■ What the exercise asks
Pick the lines holding the string "IfcBuildingStorey" out of the records and copy them.

--- Data section Enclosed Below ---

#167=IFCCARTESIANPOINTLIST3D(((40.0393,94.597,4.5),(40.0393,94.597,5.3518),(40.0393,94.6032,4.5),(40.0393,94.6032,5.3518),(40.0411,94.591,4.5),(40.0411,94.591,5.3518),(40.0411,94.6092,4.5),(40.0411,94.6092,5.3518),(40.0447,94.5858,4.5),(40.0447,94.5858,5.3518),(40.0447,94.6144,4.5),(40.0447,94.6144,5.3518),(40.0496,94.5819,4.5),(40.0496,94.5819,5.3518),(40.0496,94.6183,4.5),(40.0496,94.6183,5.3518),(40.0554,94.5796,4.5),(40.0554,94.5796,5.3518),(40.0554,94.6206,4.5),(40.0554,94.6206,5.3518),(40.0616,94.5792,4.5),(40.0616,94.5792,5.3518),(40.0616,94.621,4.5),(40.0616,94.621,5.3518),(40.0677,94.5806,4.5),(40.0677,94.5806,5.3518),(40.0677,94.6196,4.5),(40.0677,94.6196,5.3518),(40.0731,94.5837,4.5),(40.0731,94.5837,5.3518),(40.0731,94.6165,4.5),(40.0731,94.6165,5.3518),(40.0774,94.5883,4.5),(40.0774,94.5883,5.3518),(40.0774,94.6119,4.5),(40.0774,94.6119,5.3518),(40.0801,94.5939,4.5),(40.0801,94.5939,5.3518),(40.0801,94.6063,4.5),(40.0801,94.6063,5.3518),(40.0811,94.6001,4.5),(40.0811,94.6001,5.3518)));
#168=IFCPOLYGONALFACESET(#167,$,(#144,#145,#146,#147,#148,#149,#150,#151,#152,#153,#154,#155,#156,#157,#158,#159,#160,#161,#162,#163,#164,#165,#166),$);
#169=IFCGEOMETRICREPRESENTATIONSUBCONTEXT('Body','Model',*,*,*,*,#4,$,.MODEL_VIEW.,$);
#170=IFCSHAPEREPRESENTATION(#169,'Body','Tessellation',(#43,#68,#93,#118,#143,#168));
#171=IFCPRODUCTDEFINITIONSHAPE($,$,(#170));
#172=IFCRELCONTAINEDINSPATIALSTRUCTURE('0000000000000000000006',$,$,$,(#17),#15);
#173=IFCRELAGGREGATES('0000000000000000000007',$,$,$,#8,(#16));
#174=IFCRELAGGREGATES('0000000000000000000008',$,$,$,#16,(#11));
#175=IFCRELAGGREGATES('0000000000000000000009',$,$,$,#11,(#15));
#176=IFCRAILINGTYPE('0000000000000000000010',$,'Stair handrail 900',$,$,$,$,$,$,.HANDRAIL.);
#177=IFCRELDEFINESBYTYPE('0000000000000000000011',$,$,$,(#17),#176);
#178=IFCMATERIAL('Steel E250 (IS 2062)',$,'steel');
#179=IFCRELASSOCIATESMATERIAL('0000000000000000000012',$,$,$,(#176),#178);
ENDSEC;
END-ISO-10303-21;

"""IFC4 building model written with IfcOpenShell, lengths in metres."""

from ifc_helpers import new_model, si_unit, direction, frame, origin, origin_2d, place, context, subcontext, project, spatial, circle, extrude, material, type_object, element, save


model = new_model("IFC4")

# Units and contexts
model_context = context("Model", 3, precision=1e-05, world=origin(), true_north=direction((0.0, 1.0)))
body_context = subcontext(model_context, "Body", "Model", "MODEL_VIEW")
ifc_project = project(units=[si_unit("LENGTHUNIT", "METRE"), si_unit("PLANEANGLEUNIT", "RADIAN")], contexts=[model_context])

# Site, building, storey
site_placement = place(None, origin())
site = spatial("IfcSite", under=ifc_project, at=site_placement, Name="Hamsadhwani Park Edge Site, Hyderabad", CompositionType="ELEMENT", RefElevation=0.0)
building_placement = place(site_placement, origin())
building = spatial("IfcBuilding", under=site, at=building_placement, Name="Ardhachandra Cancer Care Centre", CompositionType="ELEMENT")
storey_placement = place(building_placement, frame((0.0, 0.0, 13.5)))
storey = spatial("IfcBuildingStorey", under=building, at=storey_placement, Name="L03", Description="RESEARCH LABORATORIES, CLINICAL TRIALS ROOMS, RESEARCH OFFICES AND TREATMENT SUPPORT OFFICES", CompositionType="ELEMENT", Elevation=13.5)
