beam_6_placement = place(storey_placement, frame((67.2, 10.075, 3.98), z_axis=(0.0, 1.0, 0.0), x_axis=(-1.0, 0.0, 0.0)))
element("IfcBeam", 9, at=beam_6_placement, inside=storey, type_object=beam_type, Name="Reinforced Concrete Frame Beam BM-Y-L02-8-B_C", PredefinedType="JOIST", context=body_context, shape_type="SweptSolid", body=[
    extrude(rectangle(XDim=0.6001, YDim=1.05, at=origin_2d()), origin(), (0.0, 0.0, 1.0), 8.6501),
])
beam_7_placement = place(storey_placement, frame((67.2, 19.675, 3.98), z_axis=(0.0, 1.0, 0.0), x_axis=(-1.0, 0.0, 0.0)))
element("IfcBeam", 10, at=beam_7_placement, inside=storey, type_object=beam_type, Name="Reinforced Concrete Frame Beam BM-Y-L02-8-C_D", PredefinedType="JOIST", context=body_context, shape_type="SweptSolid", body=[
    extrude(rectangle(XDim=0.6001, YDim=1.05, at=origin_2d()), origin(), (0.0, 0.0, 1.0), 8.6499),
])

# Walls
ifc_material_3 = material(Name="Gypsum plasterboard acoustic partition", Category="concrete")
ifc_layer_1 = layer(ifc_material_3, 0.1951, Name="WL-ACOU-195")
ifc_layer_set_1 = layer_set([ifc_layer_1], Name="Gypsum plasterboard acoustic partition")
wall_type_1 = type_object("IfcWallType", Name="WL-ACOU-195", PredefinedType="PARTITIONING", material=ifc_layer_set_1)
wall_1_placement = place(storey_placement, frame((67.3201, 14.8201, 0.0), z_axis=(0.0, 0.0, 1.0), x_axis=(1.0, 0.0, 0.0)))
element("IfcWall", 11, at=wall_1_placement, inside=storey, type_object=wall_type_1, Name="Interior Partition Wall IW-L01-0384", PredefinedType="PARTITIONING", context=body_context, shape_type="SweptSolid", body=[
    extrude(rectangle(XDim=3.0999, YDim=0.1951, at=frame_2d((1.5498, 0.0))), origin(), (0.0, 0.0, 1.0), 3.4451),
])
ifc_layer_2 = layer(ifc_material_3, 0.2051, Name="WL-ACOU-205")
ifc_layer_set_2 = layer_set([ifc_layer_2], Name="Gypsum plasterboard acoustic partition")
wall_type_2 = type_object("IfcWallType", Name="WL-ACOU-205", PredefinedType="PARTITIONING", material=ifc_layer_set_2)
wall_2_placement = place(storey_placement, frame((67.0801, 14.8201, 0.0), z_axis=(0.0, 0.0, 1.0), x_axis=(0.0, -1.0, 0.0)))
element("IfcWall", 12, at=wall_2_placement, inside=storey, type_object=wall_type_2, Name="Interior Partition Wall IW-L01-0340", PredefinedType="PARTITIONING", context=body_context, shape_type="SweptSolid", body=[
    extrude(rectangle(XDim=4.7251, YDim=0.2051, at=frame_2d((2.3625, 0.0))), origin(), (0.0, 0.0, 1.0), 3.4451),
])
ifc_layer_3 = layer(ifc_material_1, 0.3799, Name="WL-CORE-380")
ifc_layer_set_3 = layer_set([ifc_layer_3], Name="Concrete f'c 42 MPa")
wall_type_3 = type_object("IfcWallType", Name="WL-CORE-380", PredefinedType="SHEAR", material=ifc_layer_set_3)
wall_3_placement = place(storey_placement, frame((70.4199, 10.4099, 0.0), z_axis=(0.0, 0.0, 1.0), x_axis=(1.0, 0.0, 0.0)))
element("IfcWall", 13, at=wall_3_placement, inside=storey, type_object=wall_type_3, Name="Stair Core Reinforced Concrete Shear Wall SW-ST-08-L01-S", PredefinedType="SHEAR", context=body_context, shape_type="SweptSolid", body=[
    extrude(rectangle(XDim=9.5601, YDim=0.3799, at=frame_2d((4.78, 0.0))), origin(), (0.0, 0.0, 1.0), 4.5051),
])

--- End of Enclosed Data section ---
--- Data section Enclosed Below ---

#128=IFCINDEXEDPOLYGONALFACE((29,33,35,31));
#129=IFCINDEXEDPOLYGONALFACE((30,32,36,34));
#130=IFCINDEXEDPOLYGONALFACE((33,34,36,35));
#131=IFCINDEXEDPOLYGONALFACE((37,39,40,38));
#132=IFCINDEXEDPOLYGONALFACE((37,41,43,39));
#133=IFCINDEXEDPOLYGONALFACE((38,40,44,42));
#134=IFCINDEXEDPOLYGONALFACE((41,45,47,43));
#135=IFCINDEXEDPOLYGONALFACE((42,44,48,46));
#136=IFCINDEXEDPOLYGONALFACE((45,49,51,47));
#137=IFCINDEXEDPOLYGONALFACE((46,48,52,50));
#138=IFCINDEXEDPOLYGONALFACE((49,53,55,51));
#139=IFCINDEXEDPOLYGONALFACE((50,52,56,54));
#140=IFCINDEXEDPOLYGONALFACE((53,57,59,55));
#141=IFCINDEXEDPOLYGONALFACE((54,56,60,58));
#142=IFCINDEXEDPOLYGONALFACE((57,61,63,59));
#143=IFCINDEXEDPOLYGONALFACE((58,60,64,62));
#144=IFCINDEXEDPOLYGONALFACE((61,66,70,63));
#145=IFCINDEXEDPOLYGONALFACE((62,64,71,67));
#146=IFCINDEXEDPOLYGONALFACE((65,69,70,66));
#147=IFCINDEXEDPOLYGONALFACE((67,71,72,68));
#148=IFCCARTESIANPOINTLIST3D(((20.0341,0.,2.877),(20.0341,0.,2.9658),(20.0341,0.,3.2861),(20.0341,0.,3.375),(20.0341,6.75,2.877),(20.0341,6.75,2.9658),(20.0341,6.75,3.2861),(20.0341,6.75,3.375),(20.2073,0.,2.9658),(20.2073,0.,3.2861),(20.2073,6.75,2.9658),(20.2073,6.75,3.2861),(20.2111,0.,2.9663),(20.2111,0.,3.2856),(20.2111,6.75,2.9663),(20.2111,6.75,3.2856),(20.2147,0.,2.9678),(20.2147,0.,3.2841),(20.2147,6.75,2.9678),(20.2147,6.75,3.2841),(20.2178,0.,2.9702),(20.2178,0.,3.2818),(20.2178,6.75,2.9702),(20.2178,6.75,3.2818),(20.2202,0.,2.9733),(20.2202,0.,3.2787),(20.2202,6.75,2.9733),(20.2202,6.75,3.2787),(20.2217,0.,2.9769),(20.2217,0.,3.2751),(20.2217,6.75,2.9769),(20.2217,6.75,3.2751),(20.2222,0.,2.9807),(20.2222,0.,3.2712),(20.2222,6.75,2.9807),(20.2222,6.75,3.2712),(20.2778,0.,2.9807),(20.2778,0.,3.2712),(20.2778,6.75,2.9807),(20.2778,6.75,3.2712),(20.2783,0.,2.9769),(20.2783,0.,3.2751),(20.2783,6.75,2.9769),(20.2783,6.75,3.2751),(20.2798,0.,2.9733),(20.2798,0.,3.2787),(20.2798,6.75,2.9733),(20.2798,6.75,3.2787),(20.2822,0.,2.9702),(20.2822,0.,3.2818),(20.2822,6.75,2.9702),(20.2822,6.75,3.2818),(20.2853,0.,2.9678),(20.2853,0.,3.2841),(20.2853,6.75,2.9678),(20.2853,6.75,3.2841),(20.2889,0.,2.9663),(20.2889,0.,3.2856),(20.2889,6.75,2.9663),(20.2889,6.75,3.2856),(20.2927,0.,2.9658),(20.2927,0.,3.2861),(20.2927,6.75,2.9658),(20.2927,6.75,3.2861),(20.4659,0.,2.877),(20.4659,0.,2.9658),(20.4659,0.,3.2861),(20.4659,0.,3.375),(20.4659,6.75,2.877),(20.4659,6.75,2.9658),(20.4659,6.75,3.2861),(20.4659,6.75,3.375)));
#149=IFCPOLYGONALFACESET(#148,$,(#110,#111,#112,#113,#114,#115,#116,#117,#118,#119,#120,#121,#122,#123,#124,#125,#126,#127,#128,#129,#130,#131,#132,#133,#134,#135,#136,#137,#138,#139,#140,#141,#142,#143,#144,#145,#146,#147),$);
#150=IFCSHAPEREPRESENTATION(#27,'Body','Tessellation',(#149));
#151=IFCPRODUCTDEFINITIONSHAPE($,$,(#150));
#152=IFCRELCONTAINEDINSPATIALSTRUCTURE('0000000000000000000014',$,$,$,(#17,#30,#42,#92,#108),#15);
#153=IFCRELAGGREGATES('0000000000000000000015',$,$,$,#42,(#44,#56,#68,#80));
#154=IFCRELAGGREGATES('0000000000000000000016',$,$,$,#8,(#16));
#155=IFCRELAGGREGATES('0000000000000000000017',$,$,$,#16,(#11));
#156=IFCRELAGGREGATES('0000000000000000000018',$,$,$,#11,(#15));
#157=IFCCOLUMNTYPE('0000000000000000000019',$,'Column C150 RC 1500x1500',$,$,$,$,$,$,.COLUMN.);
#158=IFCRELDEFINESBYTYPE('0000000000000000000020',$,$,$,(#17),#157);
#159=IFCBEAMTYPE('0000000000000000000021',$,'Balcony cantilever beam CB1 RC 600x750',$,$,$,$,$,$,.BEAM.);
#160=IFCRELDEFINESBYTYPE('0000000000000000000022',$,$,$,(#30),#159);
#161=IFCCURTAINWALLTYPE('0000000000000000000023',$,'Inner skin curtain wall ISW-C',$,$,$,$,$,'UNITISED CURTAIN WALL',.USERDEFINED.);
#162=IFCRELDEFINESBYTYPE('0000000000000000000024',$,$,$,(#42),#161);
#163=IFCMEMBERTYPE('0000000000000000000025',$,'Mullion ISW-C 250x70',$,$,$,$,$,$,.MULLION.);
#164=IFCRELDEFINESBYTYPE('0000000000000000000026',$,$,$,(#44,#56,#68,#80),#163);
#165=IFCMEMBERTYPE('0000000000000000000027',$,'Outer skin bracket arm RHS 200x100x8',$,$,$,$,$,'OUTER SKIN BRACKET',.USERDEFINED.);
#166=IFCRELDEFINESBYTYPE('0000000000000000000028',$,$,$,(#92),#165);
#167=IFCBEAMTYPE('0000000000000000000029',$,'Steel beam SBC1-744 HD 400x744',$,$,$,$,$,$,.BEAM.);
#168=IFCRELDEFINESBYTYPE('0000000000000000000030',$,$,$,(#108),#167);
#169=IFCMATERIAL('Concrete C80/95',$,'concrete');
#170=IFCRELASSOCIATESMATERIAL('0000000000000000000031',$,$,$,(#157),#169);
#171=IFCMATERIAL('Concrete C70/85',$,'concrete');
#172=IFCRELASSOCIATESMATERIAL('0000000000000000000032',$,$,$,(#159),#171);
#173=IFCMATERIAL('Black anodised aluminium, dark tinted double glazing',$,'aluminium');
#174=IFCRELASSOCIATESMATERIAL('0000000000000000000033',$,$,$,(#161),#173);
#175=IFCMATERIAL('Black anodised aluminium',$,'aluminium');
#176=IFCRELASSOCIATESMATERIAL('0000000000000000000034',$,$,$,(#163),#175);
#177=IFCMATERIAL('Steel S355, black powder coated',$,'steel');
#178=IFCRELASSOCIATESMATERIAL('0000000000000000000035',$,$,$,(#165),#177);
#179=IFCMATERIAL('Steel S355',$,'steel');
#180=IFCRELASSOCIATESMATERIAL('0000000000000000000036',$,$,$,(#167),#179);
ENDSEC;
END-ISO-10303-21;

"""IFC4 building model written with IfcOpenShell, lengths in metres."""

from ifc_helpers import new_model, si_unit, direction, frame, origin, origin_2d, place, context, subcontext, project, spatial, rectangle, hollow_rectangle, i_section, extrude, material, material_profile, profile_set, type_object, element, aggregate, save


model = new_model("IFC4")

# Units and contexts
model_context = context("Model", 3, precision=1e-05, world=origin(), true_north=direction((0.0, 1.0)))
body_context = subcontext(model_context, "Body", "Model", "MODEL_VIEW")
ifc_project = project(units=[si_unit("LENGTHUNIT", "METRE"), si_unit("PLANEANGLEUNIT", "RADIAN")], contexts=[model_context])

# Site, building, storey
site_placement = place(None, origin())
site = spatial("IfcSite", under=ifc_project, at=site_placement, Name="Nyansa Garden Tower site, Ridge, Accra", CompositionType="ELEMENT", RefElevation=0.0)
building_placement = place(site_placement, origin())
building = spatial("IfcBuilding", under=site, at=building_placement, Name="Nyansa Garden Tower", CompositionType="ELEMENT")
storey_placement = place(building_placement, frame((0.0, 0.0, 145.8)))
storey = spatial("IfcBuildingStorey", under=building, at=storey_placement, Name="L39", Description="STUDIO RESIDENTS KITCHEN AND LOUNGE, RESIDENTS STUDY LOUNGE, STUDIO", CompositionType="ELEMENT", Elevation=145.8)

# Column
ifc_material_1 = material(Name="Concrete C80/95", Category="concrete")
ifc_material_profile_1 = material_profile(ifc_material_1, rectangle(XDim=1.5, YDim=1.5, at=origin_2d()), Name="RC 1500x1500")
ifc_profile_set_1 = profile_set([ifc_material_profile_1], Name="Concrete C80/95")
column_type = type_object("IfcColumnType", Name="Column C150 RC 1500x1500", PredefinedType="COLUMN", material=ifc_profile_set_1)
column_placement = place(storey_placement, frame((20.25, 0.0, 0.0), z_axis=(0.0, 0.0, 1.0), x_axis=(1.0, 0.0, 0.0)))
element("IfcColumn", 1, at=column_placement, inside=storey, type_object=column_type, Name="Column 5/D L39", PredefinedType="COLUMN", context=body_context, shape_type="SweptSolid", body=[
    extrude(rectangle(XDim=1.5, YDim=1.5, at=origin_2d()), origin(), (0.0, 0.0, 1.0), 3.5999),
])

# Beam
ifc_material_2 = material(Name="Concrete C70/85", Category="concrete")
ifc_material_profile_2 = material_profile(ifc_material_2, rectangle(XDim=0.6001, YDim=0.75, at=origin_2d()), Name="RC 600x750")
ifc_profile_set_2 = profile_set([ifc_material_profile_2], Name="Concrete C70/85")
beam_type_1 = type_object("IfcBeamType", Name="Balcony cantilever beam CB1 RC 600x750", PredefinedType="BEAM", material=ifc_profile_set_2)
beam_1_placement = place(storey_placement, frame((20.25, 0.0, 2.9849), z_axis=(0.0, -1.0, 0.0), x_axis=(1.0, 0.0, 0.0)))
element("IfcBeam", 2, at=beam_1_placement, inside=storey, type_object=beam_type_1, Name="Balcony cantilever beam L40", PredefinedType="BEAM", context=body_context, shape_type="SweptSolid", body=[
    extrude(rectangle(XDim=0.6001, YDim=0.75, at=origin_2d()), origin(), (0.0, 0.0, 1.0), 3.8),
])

--- End of Enclosed Data section ---

■ Answer space
storey = spatial("IfcBuildingStorey", under=building, at=storey_placement, Name="L03", Description="RESEARCH LABORATORIES, CLINICAL TRIALS ROOMS, RESEARCH OFFICES AND TREATMENT SUPPORT OFFICES", CompositionType="ELEMENT", Elevation=13.5)
storey = spatial("IfcBuildingStorey", under=building, at=storey_placement, Name="L39", Description="STUDIO RESIDENTS KITCHEN AND LOUNGE, RESIDENTS STUDY LOUNGE, STUDIO", CompositionType="ELEMENT", Elevation=145.8)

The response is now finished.